Task brief ->
From the entries that follow, reproduce exactly and only the lines from the line with "#79=IFCINDEXEDPOLYGONALFACE((13,49,51,15));" to the line with "#87=IFCINDEXEDPOLYGONALFACE((21,57,59,23));", endpoints included.

Task input ->
********
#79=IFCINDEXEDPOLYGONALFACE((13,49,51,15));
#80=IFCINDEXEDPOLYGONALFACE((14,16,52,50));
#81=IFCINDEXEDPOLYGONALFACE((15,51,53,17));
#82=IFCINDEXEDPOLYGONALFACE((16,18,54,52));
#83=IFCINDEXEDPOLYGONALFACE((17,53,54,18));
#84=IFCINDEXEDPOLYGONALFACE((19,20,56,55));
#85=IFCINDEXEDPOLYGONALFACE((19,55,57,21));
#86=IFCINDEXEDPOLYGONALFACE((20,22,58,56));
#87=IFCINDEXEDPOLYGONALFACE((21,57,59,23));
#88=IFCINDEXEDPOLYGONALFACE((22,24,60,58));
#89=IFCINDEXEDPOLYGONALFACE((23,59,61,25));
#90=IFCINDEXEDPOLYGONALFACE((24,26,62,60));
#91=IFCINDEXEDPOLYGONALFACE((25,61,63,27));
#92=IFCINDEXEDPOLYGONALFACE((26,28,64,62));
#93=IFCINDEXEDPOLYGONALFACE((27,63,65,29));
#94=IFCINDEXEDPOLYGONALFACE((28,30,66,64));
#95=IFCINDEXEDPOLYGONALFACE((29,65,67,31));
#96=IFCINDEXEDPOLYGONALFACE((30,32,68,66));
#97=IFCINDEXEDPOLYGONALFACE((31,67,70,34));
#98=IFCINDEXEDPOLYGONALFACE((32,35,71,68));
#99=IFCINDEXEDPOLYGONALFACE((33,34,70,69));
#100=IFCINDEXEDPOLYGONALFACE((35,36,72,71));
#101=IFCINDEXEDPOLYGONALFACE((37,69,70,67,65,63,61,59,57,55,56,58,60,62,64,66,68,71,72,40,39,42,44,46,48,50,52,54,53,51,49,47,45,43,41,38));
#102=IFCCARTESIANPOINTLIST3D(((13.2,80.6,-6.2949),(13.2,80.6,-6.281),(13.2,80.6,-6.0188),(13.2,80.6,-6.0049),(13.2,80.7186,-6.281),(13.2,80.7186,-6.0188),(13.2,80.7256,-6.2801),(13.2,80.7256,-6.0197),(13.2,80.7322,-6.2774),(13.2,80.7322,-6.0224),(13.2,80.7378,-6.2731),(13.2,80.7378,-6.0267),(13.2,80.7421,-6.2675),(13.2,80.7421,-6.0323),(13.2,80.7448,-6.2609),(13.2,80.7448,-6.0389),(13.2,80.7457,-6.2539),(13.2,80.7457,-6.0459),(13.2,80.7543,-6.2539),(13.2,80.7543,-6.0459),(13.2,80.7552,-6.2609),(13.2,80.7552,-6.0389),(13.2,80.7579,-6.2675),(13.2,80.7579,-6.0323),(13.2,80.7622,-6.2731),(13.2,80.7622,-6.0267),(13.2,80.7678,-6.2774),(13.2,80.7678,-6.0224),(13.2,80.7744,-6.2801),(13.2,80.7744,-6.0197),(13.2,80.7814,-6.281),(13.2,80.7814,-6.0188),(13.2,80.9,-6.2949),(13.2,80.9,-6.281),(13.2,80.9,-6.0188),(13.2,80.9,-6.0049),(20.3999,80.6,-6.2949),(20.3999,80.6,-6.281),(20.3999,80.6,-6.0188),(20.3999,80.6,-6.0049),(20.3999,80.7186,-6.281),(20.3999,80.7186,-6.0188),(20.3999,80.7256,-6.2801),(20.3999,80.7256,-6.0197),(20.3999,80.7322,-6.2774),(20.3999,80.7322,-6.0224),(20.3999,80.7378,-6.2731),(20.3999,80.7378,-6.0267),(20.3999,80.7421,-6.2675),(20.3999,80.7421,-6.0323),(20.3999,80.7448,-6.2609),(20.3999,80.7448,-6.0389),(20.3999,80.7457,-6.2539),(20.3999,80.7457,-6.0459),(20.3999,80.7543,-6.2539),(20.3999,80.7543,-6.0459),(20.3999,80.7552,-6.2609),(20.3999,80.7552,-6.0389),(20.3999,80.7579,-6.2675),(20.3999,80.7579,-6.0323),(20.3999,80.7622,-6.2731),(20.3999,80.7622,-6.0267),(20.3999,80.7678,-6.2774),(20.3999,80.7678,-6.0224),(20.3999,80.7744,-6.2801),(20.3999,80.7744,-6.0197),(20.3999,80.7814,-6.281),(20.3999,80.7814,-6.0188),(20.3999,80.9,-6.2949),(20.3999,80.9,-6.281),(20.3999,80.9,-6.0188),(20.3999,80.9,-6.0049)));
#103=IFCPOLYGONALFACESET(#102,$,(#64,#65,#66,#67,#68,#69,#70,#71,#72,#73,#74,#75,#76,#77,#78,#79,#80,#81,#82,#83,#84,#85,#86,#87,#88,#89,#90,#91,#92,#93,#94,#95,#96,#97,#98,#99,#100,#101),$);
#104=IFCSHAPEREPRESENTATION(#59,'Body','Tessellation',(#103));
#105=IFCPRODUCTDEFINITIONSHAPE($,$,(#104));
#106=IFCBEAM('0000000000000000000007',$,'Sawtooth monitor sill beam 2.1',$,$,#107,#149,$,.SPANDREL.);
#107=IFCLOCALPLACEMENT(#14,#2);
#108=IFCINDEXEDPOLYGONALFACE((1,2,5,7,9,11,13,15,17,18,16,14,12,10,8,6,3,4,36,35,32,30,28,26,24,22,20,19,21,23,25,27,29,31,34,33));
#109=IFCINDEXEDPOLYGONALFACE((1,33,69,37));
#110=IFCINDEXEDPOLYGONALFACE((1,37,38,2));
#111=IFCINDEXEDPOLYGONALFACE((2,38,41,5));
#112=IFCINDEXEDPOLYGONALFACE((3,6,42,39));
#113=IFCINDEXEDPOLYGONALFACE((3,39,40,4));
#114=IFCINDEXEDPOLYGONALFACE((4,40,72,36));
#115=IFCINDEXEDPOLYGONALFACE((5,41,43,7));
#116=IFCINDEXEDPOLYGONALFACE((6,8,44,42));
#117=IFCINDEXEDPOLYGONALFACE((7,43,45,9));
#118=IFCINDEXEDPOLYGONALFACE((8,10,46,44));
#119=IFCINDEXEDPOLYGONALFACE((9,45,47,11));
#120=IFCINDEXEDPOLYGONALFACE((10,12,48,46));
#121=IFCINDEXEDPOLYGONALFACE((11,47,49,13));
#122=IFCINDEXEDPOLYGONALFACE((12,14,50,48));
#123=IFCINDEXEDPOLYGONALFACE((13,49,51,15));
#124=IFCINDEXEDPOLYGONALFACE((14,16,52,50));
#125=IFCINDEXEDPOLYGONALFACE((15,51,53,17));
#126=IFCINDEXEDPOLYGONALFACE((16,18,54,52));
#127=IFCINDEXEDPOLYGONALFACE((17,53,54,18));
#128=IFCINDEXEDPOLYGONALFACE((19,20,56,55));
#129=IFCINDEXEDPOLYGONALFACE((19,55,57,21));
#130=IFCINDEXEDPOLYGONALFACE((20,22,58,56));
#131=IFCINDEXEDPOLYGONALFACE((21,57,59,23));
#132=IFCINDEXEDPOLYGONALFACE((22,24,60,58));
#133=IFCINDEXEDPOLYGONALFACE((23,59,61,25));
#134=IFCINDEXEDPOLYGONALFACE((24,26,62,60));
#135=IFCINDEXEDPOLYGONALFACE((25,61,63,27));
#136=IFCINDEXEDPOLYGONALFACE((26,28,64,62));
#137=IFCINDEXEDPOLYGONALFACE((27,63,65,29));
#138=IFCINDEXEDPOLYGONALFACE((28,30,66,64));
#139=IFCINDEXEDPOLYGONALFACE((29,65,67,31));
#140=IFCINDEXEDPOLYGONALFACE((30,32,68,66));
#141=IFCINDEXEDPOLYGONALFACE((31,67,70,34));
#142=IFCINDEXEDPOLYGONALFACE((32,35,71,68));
********
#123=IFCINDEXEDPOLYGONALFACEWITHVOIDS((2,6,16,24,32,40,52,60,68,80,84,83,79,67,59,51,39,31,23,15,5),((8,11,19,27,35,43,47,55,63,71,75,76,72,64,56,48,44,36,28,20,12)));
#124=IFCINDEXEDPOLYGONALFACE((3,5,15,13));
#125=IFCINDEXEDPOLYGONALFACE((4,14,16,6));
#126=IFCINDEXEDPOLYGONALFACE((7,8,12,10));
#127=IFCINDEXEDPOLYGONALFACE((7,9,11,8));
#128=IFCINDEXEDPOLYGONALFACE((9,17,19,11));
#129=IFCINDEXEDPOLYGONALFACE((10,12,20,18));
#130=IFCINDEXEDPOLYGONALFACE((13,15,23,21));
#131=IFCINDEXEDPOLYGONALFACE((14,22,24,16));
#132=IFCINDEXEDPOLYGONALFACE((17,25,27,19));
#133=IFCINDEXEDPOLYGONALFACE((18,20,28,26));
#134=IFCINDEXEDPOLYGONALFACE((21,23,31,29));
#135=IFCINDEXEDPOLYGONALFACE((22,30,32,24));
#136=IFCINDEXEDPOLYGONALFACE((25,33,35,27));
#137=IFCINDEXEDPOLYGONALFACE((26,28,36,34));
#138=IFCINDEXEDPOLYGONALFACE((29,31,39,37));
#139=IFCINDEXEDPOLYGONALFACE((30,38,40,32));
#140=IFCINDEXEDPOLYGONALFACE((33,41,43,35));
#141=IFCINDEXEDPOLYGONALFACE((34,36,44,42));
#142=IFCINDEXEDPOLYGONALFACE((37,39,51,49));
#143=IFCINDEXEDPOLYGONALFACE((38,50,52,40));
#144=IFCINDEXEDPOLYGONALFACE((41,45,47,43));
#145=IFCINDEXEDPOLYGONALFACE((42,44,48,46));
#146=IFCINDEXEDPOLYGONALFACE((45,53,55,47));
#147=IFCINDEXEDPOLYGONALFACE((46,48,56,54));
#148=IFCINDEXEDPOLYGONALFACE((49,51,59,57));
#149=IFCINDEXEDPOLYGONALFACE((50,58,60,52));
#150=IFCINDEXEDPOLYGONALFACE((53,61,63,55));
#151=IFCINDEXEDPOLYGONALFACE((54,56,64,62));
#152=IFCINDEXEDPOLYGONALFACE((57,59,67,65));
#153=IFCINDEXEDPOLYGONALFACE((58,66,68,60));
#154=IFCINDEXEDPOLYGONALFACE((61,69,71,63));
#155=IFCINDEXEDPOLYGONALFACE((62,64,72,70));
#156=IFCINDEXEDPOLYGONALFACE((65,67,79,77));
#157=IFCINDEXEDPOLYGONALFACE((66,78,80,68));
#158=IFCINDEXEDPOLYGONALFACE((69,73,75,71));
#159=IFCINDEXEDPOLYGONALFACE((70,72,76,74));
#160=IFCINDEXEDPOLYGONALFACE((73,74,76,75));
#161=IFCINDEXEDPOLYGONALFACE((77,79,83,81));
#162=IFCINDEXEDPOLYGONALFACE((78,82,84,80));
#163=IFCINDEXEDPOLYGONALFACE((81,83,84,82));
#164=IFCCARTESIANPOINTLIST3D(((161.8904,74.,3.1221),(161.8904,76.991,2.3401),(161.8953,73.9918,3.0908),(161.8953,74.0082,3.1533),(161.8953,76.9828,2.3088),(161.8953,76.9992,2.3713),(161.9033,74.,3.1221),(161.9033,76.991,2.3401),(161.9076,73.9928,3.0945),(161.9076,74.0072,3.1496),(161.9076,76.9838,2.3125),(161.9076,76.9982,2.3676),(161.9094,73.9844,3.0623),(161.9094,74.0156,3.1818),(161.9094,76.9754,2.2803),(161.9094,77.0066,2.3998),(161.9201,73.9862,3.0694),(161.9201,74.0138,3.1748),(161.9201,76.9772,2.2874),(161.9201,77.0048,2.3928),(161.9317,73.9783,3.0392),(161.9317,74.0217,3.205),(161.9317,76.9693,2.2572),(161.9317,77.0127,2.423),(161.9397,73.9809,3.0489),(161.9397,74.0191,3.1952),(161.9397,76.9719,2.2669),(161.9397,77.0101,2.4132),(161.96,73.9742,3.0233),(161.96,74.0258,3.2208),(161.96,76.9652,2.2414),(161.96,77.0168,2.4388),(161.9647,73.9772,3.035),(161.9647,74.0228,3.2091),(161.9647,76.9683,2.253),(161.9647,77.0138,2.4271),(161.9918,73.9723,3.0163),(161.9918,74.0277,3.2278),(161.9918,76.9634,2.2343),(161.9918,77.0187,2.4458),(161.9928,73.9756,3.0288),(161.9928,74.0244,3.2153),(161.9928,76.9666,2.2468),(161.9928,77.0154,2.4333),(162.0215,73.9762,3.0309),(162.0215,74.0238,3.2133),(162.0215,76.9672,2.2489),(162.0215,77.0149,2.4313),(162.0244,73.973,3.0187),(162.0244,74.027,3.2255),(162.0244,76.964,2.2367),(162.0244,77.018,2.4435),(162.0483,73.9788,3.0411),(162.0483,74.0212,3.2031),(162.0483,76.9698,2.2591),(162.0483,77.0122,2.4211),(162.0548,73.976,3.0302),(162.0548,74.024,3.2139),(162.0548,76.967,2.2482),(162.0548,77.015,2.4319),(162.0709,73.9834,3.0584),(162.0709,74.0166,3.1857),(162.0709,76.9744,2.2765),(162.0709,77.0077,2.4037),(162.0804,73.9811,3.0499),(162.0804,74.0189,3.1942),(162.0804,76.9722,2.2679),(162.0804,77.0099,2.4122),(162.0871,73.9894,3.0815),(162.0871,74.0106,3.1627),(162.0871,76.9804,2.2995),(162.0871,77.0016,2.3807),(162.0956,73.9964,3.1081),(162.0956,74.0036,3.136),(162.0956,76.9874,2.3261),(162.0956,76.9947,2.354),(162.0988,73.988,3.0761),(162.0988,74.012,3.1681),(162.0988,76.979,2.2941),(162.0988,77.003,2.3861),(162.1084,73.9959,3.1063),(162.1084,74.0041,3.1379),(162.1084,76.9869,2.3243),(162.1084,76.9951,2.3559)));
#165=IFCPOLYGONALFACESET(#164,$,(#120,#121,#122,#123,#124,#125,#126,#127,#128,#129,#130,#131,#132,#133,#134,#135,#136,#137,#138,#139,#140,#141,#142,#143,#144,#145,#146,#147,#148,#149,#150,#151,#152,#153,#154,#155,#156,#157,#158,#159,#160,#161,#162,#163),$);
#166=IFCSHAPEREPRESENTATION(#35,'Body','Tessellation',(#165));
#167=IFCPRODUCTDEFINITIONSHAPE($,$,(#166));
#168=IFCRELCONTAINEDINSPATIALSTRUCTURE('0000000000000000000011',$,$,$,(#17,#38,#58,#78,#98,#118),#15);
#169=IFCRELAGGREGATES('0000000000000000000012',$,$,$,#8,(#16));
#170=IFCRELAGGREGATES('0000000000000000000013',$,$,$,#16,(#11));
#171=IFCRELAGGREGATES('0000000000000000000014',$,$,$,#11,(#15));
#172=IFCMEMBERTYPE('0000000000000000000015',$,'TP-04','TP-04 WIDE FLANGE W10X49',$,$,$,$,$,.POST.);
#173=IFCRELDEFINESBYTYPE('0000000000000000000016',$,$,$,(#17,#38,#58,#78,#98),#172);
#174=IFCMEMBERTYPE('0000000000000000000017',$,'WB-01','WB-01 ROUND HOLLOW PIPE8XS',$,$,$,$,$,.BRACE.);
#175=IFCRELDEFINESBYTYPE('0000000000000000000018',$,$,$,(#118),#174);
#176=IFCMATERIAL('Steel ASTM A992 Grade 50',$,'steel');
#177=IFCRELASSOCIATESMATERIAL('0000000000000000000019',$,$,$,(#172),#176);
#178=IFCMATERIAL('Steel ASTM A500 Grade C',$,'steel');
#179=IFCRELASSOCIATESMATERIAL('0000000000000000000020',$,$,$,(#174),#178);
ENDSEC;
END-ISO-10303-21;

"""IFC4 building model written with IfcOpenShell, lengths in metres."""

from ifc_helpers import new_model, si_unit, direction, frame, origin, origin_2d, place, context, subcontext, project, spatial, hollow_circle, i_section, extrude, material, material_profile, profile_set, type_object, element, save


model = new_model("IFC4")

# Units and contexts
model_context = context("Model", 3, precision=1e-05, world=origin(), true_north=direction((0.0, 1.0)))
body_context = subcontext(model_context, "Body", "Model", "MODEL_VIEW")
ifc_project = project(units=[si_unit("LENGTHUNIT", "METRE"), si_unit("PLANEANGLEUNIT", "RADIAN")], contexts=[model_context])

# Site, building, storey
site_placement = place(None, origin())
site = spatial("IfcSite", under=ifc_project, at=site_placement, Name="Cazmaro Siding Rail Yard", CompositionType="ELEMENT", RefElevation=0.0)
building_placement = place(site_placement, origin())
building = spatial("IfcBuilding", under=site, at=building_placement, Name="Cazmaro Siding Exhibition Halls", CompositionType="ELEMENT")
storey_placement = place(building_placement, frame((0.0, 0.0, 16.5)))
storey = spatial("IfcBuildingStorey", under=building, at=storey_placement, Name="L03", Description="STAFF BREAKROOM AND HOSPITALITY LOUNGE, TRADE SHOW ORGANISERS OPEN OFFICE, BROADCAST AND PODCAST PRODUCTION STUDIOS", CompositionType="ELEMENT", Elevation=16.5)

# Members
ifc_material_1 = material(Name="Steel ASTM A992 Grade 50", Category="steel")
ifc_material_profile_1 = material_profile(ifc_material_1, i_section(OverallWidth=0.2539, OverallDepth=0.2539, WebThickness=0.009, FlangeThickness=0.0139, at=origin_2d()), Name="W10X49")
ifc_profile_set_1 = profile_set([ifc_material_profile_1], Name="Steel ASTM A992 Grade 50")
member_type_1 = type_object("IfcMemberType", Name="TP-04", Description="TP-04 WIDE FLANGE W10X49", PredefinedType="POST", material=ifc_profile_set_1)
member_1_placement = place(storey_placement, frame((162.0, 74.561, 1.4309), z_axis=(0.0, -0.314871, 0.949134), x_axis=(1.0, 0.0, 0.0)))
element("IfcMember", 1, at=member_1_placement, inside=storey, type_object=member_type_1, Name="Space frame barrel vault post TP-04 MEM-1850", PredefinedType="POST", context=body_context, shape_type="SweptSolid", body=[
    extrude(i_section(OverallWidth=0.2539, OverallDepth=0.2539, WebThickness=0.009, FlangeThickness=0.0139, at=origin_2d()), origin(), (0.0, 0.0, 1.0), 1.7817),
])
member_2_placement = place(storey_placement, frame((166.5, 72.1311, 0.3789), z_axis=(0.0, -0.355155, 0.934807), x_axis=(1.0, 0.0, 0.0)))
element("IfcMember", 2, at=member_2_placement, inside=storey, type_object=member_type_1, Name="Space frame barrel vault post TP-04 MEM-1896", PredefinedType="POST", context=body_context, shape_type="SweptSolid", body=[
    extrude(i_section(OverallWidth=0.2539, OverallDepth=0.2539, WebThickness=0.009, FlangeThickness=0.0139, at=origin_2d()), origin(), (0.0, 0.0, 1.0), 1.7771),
********
Answer section ->
#79=IFCINDEXEDPOLYGONALFACE((13,49,51,15));
#80=IFCINDEXEDPOLYGONALFACE((14,16,52,50));
#81=IFCINDEXEDPOLYGONALFACE((15,51,53,17));
#82=IFCINDEXEDPOLYGONALFACE((16,18,54,52));
#83=IFCINDEXEDPOLYGONALFACE((17,53,54,18));
#84=IFCINDEXEDPOLYGONALFACE((19,20,56,55));
#85=IFCINDEXEDPOLYGONALFACE((19,55,57,21));
#86=IFCINDEXEDPOLYGONALFACE((20,22,58,56));
#87=IFCINDEXEDPOLYGONALFACE((21,57,59,23));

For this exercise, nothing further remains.